TASK DETAILS: Check each line of the entries for "IFCSHAPEREPRESENTATION" and report the ones that have it.

(Stored items)
== Segment start ==

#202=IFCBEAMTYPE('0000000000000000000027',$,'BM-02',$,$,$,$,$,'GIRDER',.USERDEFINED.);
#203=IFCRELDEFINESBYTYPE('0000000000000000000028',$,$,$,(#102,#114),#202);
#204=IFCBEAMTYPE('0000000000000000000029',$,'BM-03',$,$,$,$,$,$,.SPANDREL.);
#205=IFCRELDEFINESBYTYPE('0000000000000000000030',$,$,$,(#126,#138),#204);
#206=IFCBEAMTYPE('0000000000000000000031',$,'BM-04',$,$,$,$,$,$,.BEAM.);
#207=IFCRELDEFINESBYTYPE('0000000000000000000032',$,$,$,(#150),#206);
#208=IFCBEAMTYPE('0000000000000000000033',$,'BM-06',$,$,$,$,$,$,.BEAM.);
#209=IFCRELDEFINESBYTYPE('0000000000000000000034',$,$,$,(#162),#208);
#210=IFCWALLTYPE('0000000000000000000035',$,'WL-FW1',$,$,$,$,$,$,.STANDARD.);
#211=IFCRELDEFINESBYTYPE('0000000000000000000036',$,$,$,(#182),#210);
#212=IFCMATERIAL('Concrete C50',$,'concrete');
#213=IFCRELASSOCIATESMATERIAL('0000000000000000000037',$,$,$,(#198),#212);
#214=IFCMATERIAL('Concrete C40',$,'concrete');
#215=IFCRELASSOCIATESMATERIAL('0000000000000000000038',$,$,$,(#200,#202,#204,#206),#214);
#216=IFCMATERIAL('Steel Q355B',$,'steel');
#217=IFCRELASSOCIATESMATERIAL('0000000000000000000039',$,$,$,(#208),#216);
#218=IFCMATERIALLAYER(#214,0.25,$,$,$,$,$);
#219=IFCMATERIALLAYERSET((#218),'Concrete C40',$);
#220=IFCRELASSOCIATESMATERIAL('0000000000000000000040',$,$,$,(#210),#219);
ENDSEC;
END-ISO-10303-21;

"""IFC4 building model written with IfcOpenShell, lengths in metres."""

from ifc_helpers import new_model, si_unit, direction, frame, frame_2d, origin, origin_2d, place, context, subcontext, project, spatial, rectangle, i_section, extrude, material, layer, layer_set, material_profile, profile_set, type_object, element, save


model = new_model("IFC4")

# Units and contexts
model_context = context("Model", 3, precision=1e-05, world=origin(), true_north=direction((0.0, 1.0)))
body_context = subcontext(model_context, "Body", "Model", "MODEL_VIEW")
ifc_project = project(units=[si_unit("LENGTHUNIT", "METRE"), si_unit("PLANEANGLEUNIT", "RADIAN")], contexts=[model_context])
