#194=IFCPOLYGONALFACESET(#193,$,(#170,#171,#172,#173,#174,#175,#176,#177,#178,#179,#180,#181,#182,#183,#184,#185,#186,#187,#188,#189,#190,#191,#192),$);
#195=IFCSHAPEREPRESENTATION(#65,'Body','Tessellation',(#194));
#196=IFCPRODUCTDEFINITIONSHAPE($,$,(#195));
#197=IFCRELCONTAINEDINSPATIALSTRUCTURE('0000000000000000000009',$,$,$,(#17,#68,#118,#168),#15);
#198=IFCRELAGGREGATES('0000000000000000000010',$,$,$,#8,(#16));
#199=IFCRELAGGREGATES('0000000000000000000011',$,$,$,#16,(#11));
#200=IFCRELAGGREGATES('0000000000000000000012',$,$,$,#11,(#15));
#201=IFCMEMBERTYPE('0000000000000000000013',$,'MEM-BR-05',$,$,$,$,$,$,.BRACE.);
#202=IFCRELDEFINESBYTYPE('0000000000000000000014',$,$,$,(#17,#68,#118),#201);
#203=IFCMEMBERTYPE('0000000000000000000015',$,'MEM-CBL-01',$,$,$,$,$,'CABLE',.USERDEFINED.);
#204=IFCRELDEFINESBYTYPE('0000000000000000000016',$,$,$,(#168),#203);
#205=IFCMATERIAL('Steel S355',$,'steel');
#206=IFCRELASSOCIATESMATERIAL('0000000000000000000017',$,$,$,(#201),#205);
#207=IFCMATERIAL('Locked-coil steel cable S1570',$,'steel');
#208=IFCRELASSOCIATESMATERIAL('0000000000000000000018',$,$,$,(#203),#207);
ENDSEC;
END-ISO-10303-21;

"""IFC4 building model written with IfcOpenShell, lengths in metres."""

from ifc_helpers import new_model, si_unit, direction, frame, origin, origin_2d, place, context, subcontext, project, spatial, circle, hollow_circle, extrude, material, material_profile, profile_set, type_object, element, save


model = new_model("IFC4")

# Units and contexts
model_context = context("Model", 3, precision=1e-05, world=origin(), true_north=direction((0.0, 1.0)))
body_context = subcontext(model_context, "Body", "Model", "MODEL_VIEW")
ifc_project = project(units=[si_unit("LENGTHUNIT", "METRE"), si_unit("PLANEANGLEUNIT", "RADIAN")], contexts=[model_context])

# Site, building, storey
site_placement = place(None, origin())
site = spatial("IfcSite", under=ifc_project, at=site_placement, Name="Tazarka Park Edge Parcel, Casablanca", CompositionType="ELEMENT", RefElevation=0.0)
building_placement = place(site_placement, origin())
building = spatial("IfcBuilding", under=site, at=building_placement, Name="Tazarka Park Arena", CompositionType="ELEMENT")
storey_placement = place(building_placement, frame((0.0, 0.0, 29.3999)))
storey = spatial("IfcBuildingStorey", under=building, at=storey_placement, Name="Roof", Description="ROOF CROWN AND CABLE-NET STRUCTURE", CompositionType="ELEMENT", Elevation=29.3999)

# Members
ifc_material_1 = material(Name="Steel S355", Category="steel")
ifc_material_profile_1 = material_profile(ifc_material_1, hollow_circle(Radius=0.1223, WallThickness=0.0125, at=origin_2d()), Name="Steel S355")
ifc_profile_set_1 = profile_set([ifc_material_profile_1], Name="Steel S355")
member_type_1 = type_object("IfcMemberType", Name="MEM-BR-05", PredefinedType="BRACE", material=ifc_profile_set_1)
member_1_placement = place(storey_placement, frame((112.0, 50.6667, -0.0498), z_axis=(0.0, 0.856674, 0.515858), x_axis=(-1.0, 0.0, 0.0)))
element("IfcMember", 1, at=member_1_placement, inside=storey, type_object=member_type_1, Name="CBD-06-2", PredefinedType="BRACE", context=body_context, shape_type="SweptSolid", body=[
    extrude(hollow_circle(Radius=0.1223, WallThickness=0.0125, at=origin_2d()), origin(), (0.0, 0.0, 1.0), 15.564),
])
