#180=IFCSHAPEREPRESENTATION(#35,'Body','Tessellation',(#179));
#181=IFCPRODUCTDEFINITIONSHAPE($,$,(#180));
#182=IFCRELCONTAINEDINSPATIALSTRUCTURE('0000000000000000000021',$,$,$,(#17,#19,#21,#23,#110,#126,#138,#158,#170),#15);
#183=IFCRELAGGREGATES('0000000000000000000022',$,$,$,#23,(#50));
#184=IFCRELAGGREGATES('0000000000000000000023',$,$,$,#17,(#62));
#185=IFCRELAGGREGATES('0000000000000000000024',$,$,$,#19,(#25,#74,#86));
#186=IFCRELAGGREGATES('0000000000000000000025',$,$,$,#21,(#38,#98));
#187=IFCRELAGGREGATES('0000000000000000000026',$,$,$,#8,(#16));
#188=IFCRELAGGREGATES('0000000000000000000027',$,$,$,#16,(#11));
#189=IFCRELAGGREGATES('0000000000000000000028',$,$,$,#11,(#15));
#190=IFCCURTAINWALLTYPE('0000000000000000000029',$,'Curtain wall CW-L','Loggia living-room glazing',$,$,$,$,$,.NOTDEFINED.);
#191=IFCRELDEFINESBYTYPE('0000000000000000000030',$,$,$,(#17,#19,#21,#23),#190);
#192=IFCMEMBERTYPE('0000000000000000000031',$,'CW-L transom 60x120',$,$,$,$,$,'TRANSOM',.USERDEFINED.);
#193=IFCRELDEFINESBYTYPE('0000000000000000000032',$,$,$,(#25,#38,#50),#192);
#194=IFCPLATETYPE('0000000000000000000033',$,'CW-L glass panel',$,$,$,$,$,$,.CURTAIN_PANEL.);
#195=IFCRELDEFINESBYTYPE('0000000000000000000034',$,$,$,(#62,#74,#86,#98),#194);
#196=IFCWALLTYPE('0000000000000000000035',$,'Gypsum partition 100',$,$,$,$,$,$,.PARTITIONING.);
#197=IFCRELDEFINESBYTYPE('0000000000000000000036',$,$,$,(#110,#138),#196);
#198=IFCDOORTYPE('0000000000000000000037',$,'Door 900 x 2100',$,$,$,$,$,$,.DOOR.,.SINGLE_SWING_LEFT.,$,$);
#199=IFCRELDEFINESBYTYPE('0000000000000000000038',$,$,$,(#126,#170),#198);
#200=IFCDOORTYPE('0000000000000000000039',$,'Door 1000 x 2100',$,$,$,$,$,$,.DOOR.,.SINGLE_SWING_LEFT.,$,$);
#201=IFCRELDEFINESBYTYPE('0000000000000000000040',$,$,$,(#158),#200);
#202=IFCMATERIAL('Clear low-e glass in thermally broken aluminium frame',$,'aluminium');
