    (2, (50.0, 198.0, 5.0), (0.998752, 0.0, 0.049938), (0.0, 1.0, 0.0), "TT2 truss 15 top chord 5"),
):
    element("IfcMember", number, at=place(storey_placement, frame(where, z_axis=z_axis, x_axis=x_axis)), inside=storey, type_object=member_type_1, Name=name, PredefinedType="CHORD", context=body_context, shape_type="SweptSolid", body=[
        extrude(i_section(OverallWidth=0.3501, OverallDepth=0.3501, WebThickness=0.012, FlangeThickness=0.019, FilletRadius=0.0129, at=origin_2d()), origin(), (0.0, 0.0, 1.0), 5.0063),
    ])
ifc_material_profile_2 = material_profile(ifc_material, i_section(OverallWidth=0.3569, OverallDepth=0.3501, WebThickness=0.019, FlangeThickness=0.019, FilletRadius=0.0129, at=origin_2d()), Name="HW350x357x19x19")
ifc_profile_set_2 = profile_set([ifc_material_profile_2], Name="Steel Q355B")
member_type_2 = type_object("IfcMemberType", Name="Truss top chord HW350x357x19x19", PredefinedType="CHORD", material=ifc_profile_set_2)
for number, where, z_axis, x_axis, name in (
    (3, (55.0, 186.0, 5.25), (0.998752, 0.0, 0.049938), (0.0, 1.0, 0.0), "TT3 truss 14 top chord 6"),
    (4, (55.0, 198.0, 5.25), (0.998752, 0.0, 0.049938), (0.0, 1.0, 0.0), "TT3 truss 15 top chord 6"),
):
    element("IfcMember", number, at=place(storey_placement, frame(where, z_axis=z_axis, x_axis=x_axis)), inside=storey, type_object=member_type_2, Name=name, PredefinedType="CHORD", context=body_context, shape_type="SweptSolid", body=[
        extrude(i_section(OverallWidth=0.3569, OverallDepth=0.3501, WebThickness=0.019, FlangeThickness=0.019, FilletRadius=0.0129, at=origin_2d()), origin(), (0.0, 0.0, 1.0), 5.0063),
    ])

== Segment end ==

OUTPUT:
#195=IFCSHAPEREPRESENTATION(#65,'Body','Tessellation',(#194));
#180=IFCSHAPEREPRESENTATION(#35,'Body','Tessellation',(#179));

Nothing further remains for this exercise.